#### Material for this task ####

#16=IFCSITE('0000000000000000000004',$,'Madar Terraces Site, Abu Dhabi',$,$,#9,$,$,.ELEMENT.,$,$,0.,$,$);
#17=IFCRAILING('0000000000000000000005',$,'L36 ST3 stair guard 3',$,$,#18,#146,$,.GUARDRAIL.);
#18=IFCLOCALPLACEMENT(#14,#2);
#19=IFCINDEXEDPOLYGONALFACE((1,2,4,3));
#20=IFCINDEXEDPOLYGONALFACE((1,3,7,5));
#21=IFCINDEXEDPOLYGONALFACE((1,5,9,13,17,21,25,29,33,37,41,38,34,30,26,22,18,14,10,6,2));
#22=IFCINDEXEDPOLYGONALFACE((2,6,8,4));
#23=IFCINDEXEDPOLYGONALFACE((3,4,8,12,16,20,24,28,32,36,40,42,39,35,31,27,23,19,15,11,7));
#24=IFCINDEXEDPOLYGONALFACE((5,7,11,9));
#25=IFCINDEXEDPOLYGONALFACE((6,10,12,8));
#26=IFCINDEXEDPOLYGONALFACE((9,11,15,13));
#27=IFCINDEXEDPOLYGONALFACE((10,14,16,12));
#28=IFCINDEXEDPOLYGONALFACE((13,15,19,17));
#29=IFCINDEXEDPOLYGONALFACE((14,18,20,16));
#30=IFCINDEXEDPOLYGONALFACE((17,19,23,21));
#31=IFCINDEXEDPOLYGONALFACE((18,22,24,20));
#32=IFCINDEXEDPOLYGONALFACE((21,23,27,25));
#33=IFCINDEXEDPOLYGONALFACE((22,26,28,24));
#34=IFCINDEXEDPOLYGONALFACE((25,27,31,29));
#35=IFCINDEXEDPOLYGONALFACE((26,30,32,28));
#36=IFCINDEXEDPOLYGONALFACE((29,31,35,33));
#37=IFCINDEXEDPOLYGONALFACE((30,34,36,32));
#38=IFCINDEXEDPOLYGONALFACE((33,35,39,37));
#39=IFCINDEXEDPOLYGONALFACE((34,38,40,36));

####
#### Material for this task ####

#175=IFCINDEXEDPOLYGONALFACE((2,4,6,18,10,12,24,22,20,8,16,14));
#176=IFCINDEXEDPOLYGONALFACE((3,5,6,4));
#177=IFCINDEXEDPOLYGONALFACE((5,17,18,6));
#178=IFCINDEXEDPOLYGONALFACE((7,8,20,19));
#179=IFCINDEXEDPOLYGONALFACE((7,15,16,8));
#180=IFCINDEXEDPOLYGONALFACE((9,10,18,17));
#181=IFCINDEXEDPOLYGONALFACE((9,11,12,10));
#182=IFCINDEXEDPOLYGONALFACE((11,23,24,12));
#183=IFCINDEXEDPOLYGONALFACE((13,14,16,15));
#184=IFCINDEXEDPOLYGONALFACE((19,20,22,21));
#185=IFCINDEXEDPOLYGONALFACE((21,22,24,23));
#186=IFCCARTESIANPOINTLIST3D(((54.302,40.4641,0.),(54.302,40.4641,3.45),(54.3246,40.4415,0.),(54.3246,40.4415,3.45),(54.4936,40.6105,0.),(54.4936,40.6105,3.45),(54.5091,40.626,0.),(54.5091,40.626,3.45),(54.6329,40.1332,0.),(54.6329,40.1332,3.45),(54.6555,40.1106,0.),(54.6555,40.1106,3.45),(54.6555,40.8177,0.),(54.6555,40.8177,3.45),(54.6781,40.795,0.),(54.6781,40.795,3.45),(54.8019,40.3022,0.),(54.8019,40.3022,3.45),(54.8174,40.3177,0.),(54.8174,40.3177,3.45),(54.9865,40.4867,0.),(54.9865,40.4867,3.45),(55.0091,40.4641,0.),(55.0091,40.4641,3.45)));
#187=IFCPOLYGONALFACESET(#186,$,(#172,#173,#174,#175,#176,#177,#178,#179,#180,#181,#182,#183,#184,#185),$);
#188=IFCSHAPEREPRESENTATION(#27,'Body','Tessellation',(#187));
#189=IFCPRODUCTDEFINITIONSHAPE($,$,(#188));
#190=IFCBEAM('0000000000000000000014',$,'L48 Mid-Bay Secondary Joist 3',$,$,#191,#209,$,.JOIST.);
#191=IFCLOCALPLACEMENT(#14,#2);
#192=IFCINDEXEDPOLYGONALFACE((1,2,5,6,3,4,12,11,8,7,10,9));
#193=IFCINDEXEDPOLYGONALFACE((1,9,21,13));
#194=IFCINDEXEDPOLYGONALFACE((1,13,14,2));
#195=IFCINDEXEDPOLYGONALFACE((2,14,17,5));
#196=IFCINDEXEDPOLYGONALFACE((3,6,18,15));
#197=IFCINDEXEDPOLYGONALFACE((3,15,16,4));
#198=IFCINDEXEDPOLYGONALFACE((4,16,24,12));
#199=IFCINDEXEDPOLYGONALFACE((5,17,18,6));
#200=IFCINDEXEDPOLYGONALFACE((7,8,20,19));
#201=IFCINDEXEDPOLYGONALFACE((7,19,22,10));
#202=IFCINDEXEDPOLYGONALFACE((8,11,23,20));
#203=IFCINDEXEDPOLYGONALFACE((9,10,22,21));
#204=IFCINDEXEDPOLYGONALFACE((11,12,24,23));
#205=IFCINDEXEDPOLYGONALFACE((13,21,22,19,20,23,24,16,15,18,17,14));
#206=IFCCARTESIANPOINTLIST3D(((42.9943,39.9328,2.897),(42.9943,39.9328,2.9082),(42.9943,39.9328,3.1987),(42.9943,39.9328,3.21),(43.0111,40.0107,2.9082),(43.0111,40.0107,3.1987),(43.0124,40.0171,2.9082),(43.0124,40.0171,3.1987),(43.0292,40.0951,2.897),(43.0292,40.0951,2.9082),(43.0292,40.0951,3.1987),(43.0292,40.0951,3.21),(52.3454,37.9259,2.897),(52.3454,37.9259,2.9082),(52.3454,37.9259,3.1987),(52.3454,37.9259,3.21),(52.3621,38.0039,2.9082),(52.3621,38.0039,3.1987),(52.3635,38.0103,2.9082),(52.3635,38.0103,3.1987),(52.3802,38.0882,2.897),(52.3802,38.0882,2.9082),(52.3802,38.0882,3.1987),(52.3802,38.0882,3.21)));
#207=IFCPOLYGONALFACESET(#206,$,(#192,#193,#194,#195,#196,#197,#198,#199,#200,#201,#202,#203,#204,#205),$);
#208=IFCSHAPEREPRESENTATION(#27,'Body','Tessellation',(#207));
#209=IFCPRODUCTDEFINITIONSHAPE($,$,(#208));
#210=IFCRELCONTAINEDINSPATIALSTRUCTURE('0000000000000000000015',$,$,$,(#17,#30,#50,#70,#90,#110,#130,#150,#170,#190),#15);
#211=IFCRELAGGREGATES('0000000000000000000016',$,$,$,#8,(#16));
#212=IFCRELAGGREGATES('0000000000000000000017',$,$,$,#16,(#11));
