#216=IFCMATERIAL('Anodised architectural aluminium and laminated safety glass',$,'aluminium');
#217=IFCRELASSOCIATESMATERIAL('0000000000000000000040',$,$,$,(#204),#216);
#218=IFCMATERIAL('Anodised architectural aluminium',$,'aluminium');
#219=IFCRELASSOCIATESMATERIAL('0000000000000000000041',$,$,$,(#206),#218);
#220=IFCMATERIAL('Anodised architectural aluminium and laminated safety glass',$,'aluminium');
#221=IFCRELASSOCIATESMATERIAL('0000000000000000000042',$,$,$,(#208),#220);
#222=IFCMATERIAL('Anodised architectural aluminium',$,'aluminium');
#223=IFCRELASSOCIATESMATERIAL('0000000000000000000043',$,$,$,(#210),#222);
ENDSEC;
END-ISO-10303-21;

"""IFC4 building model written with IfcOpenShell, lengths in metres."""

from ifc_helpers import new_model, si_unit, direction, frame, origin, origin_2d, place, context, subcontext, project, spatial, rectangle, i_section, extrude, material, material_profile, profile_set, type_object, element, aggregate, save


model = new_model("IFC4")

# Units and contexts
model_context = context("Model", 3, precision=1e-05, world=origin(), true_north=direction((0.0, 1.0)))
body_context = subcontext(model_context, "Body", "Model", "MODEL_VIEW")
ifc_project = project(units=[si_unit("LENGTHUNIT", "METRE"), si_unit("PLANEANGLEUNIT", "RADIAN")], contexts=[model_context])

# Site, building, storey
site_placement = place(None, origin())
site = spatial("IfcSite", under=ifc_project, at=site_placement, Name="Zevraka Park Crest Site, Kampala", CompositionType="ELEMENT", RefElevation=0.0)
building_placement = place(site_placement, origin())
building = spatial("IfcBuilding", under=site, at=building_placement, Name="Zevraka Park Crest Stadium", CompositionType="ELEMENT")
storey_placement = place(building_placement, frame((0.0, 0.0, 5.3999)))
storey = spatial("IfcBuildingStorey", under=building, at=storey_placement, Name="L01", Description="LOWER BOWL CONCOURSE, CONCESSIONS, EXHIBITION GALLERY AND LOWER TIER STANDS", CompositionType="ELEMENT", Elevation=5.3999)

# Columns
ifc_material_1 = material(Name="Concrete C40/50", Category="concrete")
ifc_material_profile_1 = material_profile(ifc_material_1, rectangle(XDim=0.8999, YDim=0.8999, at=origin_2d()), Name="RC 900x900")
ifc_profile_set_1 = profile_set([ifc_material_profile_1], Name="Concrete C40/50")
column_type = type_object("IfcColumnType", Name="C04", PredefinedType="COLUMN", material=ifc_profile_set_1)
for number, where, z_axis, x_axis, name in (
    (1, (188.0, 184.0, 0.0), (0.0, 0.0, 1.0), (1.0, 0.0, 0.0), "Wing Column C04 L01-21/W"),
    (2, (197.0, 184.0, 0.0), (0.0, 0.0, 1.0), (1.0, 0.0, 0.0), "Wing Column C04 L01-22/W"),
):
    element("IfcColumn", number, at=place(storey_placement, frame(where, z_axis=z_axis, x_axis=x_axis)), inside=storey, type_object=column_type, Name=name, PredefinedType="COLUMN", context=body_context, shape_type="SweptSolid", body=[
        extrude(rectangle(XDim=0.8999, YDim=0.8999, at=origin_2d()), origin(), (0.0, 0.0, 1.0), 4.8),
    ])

####

Print exactly the lines above, between the one holding "#20=IFCINDEXEDPOLYGONALFACE((1,3,7,5));" and the one holding "#27=IFCINDEXEDPOLYGONALFACE((10,14,16,12));", inclusive, and nothing besides.

#20=IFCINDEXEDPOLYGONALFACE((1,3,7,5));
#21=IFCINDEXEDPOLYGONALFACE((1,5,9,13,17,21,25,29,33,37,41,38,34,30,26,22,18,14,10,6,2));
#22=IFCINDEXEDPOLYGONALFACE((2,6,8,4));
#23=IFCINDEXEDPOLYGONALFACE((3,4,8,12,16,20,24,28,32,36,40,42,39,35,31,27,23,19,15,11,7));
#24=IFCINDEXEDPOLYGONALFACE((5,7,11,9));
#25=IFCINDEXEDPOLYGONALFACE((6,10,12,8));
#26=IFCINDEXEDPOLYGONALFACE((9,11,15,13));
#27=IFCINDEXEDPOLYGONALFACE((10,14,16,12));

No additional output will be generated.